DATA SHOWN ->
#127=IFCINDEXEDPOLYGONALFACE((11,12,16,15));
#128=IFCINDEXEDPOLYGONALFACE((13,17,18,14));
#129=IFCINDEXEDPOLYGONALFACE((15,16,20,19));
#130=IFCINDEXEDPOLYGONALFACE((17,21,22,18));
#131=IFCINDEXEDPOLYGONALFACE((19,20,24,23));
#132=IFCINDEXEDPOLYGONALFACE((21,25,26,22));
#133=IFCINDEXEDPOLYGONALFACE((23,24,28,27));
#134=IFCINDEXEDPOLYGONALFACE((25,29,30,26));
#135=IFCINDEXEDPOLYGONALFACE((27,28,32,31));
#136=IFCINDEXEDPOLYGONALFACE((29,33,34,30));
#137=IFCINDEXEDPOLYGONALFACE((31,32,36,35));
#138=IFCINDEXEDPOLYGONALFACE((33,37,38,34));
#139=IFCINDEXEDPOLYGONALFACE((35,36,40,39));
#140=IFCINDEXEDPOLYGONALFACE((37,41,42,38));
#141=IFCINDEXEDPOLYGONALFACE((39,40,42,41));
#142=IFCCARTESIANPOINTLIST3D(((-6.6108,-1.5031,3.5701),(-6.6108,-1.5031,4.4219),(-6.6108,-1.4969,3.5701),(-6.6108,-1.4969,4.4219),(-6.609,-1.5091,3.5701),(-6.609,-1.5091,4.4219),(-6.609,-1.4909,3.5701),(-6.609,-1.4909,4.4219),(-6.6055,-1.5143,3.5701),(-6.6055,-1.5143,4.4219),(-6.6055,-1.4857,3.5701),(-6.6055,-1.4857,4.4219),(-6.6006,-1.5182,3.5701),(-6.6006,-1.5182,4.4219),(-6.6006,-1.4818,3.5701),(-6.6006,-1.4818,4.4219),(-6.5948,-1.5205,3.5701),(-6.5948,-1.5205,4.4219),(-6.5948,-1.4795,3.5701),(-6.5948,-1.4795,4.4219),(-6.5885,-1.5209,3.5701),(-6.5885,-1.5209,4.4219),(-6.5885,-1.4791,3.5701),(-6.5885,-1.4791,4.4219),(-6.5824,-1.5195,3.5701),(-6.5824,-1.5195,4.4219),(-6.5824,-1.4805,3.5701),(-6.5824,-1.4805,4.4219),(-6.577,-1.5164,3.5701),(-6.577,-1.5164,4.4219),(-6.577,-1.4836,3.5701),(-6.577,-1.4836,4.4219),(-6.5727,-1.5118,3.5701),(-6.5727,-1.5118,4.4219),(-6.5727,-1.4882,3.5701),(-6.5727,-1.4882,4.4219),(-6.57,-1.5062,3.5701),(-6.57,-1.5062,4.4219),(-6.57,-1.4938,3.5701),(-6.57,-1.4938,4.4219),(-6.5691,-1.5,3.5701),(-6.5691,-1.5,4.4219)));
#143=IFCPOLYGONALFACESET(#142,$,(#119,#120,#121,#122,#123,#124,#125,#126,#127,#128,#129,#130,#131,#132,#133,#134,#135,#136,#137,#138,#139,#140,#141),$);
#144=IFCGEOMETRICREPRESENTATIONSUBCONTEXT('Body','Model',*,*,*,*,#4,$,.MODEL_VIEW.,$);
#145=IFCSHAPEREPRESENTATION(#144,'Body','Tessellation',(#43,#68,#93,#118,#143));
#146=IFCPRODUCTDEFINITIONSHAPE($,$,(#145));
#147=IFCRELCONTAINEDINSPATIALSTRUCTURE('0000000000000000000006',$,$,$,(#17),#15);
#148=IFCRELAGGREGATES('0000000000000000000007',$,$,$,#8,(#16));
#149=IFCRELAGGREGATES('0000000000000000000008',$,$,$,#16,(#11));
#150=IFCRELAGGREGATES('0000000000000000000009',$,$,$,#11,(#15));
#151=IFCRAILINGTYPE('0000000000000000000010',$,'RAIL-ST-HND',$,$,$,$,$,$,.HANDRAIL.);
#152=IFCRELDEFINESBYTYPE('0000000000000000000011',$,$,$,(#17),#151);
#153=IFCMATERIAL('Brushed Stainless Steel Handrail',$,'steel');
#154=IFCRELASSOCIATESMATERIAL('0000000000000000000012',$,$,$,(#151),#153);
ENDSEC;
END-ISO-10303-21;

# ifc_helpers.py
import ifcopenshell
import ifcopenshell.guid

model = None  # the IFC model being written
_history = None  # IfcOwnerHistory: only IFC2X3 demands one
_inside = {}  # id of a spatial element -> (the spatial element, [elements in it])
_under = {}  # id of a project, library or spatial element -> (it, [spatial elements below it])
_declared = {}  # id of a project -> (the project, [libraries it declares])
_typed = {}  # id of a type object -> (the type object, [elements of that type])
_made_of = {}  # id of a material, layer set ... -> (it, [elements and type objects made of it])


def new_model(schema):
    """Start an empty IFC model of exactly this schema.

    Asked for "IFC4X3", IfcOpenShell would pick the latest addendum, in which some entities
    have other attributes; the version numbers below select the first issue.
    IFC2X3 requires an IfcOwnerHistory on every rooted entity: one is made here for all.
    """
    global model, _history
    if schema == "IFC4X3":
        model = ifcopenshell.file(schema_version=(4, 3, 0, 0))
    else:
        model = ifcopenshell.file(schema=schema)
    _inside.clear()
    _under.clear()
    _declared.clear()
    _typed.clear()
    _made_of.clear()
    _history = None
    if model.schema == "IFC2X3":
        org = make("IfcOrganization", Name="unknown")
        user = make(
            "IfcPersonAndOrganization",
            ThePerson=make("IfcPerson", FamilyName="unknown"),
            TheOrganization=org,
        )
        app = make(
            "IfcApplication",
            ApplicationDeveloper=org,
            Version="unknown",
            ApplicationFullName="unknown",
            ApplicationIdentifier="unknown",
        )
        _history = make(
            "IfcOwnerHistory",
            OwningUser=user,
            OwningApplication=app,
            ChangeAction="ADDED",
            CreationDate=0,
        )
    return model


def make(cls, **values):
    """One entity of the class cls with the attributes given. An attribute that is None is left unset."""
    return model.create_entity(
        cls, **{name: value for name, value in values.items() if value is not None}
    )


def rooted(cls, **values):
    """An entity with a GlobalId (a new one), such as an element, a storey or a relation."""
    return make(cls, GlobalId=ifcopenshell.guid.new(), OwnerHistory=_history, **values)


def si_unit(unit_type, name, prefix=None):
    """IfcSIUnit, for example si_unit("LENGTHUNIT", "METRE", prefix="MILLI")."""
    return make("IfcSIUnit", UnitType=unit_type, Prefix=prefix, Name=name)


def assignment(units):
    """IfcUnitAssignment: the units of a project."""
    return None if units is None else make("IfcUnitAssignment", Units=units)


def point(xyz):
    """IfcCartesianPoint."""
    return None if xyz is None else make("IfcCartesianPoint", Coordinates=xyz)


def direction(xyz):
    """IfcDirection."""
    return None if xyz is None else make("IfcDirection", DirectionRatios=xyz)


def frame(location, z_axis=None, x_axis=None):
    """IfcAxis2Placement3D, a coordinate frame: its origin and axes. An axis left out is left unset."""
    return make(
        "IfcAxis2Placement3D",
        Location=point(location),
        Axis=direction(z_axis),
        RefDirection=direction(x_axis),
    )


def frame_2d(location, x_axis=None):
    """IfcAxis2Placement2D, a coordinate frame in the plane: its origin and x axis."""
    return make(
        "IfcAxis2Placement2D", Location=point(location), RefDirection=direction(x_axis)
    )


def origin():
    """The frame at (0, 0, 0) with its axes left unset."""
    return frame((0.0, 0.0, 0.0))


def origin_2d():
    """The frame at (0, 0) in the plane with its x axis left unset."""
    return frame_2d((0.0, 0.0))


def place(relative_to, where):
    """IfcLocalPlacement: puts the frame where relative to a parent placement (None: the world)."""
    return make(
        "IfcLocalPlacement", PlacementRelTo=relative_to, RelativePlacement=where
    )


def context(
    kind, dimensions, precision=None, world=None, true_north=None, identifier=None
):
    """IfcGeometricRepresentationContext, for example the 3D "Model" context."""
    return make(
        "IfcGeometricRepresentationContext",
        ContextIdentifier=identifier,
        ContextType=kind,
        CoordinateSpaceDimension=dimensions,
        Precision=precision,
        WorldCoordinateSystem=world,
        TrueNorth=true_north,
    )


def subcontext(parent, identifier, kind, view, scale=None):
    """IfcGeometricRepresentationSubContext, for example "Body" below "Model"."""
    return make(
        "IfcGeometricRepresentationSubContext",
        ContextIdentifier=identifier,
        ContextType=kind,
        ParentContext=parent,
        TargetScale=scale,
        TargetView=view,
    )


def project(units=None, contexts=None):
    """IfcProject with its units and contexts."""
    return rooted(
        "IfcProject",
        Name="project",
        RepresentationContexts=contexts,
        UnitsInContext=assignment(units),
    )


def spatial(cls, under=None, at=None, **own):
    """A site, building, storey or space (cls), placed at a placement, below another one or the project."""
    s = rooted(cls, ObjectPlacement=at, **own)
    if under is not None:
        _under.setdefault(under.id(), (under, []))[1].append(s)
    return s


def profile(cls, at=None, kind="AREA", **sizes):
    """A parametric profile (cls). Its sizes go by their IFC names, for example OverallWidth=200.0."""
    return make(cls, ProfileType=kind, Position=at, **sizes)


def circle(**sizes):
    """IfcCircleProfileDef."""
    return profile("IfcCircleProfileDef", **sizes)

ACTIVITY -> Tally the lines of the material that hold the word "dimensions", and state only that tally.

ANSWER AREA -> 2